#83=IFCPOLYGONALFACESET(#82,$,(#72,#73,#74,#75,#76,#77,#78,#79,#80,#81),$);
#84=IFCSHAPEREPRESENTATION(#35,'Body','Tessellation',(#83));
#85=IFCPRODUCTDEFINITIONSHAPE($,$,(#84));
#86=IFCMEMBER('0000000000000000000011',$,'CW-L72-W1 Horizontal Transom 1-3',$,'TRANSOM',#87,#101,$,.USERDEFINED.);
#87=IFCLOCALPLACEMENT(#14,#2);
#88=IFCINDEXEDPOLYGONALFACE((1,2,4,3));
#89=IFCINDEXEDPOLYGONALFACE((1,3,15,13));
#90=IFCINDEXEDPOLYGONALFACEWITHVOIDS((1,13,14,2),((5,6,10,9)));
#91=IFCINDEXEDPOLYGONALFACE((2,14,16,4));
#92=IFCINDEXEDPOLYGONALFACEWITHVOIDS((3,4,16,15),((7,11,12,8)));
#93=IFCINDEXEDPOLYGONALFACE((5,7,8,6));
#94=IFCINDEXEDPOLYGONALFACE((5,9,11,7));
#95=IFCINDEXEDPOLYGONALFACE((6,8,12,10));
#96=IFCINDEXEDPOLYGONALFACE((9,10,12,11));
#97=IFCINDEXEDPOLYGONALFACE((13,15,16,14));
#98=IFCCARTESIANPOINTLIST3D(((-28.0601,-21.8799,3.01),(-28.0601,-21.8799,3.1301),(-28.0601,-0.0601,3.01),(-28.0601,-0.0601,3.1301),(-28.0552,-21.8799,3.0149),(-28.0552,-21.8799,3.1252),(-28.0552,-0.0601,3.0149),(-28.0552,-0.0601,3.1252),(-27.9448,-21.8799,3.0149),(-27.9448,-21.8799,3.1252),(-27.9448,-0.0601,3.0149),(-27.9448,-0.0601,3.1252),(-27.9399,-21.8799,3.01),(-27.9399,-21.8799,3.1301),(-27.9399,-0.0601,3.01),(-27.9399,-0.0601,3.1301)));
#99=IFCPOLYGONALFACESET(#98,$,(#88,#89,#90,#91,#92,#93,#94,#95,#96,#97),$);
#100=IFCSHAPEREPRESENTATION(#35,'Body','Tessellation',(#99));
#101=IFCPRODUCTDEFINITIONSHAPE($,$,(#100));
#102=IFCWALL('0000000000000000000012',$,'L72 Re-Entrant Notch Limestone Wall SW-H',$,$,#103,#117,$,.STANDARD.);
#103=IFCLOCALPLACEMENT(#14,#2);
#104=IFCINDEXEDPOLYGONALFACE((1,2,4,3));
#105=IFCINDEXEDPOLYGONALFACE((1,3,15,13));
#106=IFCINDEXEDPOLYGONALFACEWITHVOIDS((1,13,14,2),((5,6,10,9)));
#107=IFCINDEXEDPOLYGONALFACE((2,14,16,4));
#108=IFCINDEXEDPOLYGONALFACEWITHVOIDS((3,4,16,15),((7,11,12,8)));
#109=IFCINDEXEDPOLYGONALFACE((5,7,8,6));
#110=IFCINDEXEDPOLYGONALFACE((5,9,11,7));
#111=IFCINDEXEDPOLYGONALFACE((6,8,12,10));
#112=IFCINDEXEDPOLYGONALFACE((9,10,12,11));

■ ■ ■ ■

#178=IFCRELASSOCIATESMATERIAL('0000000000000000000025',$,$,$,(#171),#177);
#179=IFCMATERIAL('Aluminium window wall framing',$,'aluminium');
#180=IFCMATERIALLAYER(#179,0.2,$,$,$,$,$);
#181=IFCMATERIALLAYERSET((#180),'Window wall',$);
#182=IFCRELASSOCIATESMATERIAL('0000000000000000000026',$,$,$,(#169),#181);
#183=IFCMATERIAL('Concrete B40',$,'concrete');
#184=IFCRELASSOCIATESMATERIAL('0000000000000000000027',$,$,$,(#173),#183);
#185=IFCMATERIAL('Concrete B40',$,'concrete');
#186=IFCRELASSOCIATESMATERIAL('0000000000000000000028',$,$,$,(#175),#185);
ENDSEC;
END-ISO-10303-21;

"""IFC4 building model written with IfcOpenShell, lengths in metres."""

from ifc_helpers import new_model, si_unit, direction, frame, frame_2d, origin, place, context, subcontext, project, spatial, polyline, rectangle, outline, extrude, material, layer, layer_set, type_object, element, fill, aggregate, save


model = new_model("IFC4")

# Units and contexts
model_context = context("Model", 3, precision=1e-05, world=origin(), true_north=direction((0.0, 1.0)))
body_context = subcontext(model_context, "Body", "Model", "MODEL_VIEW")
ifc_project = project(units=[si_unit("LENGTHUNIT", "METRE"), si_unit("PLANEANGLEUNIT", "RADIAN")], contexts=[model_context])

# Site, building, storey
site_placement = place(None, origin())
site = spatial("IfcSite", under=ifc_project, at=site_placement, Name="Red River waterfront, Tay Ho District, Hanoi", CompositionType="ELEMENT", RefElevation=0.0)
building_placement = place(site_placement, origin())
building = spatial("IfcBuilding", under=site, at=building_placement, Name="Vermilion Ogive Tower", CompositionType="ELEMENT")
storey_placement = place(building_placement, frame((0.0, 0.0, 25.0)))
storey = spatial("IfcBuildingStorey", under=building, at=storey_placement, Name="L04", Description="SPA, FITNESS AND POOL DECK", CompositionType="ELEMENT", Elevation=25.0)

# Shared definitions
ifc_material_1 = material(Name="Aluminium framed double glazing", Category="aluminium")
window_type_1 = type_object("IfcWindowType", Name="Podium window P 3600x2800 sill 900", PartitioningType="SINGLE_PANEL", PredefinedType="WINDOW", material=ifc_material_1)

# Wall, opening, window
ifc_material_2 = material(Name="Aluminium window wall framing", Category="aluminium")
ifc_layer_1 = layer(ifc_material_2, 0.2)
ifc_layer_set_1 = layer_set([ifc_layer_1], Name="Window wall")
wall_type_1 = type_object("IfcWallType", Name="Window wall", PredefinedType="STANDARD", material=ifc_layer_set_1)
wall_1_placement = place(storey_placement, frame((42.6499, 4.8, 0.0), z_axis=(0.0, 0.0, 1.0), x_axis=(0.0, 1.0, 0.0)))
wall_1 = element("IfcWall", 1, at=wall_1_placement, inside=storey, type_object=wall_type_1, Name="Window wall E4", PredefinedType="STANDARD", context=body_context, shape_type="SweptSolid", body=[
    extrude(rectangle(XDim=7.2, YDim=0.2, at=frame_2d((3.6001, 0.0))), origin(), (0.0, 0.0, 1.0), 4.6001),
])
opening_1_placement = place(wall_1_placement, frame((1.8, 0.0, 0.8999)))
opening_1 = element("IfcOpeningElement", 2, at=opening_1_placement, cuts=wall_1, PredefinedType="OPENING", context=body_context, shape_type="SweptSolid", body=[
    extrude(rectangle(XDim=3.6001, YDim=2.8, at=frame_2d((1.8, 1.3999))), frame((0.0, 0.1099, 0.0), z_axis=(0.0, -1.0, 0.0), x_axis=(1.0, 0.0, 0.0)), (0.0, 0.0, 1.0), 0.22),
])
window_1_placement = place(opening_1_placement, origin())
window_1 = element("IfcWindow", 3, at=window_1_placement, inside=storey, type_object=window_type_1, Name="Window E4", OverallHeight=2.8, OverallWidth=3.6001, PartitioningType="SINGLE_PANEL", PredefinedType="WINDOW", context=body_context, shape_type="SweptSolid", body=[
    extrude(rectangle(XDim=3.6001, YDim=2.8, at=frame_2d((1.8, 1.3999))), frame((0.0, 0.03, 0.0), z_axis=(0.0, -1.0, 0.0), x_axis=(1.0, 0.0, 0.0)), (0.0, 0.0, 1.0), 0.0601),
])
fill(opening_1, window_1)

■ ■ ■ ■

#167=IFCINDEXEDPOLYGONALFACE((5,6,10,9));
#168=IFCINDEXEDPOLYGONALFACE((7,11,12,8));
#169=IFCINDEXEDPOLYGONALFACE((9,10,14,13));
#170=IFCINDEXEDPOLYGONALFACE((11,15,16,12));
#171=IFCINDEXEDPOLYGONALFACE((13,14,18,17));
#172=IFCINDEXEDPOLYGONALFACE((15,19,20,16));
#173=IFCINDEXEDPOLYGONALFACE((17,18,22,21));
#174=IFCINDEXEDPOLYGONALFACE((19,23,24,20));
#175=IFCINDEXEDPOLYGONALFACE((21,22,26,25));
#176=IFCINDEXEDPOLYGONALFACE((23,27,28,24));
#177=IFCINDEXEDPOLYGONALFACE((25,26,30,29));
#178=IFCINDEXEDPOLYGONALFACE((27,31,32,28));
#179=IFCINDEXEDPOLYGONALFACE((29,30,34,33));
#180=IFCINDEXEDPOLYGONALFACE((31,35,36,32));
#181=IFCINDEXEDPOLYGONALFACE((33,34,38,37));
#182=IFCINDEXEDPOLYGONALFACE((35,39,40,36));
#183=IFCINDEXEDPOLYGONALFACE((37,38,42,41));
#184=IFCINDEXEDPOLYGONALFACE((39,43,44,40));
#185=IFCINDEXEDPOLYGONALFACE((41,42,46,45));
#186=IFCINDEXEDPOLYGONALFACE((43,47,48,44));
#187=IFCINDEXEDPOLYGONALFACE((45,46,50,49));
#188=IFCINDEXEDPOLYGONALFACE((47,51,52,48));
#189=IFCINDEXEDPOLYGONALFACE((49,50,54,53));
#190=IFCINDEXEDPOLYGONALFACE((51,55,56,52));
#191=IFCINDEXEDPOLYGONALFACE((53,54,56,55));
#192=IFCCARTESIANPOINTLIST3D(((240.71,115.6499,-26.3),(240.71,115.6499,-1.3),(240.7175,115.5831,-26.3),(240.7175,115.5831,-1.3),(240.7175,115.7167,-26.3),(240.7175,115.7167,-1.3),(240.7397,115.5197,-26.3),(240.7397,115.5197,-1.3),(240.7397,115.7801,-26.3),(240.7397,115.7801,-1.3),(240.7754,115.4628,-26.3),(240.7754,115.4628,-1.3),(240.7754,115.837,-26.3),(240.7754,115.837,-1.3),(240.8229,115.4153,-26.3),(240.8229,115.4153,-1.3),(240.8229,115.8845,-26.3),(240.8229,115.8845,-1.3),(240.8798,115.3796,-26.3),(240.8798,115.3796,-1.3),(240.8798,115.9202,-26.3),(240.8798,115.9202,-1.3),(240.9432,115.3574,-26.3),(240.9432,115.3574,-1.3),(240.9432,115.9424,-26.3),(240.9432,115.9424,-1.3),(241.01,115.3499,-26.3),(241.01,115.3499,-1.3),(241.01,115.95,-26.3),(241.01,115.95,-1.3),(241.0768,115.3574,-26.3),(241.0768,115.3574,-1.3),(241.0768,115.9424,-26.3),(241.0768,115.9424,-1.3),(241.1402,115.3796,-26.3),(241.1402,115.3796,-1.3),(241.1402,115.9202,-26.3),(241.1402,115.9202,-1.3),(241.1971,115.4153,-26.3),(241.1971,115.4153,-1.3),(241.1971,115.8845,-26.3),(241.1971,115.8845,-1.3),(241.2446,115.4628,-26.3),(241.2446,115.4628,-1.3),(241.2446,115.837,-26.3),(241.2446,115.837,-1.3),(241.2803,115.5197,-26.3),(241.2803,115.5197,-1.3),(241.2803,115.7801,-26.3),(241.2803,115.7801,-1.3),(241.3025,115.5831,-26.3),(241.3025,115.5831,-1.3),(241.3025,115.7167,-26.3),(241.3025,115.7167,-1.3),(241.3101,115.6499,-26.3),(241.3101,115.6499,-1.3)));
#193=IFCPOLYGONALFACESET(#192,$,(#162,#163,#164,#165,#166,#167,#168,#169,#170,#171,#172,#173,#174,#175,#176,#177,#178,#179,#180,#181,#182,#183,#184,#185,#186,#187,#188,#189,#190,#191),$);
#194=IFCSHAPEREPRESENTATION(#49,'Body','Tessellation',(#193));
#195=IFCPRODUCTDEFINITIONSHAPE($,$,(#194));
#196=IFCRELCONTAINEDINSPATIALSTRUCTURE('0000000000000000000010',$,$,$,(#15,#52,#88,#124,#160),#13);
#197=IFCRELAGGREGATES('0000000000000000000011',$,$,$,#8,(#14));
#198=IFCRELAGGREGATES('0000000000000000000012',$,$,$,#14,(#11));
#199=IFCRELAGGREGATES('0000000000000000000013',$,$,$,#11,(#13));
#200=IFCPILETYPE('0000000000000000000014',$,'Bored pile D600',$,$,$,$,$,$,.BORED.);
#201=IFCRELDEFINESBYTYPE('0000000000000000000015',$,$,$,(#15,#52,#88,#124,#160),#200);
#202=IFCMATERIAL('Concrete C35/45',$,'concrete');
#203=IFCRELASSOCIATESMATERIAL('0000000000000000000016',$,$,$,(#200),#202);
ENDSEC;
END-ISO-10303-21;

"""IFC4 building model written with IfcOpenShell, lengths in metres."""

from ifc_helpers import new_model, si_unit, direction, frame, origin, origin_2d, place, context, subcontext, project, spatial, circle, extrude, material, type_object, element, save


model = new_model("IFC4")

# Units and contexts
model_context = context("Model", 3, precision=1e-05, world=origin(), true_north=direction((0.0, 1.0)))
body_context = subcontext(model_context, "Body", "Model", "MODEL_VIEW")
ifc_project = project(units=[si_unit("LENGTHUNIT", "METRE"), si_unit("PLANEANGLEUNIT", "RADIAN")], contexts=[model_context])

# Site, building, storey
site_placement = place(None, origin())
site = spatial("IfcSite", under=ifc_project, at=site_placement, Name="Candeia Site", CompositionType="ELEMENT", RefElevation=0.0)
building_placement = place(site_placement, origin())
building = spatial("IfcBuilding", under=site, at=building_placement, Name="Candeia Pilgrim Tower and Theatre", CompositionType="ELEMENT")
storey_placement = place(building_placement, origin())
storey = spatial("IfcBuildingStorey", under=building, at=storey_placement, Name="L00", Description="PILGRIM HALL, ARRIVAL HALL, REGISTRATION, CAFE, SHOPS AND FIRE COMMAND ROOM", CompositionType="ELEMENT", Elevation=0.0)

■ ■ ■ ■

> [What is expected]: Only the lines containing the string "Candeia" are needed; pull them out of the records.

> [Solution to the exercise]:
site = spatial("IfcSite", under=ifc_project, at=site_placement, Name="Candeia Site", CompositionType="ELEMENT", RefElevation=0.0)
building = spatial("IfcBuilding", under=site, at=building_placement, Name="Candeia Pilgrim Tower and Theatre", CompositionType="ELEMENT")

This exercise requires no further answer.